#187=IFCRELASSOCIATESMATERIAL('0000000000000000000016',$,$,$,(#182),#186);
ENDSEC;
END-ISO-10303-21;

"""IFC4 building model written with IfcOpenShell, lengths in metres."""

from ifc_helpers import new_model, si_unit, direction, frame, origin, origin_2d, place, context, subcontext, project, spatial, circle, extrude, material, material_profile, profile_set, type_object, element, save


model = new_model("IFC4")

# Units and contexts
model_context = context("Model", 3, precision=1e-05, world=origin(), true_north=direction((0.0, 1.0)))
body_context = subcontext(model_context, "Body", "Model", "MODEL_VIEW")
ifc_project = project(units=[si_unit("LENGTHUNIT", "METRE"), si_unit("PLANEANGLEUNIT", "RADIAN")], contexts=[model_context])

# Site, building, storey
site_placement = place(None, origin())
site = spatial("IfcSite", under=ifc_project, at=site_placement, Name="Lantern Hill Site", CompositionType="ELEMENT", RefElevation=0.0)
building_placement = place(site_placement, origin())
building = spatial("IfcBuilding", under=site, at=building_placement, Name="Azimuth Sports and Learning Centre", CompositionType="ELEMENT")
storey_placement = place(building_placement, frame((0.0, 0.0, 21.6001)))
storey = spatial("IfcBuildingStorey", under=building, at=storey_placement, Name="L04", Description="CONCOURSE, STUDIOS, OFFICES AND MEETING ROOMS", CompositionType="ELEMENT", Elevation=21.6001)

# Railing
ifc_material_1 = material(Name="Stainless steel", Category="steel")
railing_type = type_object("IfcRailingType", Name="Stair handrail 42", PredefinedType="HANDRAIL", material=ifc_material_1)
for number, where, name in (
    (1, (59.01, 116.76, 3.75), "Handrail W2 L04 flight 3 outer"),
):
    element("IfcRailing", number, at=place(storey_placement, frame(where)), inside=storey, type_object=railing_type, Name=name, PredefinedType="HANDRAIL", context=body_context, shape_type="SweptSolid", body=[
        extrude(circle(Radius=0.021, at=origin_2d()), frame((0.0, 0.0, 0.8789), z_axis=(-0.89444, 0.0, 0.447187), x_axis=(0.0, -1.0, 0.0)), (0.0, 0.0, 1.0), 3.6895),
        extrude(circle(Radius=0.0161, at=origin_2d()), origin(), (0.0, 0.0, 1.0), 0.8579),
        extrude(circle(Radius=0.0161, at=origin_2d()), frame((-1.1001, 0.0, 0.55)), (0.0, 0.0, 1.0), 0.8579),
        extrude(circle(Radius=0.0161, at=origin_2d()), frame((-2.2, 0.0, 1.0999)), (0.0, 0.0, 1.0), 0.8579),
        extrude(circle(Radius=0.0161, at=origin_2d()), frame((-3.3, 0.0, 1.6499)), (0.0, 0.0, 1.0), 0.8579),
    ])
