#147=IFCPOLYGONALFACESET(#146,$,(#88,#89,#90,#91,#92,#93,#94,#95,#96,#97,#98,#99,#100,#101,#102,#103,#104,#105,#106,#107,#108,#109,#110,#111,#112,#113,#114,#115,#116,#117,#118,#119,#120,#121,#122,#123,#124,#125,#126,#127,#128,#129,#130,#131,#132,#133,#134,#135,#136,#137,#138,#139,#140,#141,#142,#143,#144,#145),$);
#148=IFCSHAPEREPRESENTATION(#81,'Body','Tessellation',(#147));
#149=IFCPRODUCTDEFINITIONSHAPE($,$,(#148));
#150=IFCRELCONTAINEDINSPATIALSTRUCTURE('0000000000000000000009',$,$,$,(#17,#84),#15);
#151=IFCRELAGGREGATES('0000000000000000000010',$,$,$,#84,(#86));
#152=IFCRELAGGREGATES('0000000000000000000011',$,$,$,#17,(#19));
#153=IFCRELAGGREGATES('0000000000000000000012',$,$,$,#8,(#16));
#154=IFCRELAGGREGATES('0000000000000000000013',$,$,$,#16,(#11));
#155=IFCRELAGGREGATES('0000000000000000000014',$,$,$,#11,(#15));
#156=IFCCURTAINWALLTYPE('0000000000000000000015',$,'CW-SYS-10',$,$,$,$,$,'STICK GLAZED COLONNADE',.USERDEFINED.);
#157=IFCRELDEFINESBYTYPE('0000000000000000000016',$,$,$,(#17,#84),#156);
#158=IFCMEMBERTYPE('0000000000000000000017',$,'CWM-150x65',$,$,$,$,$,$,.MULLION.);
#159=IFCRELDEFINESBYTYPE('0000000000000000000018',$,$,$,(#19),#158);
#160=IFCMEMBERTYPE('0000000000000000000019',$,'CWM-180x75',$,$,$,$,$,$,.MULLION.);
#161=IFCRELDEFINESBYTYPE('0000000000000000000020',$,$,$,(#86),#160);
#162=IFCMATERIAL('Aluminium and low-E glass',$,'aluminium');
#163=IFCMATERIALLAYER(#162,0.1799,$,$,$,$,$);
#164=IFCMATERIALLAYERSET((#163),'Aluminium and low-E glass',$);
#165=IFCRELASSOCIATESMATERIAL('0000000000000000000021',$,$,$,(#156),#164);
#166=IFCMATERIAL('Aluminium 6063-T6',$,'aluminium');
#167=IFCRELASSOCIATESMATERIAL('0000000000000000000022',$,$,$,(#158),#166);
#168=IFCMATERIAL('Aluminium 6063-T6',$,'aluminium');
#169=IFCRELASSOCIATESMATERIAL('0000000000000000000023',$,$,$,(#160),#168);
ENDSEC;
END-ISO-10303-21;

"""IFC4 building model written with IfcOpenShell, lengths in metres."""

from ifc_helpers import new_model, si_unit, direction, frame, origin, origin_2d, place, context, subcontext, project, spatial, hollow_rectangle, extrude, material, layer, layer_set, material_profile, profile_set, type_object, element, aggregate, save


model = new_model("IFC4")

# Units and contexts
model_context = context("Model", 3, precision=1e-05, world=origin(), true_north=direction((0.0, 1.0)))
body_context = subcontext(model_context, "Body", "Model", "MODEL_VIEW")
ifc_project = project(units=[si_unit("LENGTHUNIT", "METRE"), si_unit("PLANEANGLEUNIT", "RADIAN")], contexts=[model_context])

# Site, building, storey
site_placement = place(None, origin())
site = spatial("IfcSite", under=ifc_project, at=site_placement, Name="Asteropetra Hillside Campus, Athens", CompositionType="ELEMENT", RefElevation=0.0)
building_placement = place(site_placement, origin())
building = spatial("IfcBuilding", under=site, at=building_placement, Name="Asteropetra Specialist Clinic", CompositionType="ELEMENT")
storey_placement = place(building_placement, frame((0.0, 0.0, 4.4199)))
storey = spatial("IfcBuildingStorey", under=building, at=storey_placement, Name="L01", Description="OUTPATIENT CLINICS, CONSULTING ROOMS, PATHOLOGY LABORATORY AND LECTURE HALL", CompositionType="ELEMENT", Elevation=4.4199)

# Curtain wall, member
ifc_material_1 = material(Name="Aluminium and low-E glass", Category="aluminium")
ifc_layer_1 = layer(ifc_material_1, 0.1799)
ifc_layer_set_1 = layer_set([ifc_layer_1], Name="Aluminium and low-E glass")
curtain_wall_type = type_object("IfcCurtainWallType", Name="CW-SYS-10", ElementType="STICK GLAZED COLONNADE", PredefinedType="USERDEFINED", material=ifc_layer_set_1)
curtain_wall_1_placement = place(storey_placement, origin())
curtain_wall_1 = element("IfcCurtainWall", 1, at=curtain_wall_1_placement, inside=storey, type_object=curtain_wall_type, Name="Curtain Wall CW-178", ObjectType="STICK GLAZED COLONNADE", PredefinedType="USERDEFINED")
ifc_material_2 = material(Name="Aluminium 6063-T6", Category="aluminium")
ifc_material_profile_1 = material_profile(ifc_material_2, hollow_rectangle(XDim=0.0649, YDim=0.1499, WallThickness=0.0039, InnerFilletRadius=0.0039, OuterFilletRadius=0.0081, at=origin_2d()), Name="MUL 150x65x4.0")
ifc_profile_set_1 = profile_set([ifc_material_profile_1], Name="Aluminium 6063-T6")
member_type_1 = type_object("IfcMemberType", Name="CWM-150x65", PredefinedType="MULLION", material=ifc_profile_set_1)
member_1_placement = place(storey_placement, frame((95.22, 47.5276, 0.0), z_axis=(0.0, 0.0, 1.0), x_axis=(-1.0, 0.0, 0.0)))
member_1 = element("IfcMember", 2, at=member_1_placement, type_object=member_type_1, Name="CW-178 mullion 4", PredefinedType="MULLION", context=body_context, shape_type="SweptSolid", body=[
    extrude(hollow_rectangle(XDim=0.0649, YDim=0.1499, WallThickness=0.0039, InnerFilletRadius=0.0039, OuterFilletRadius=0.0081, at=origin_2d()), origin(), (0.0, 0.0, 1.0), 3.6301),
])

::::

» **Problem to work on**:
Find all lines holding the word "Asteropetra" in the records above and copy them.

» **Your solution**:
site = spatial("IfcSite", under=ifc_project, at=site_placement, Name="Asteropetra Hillside Campus, Athens", CompositionType="ELEMENT", RefElevation=0.0)
building = spatial("IfcBuilding", under=site, at=building_placement, Name="Asteropetra Specialist Clinic", CompositionType="ELEMENT")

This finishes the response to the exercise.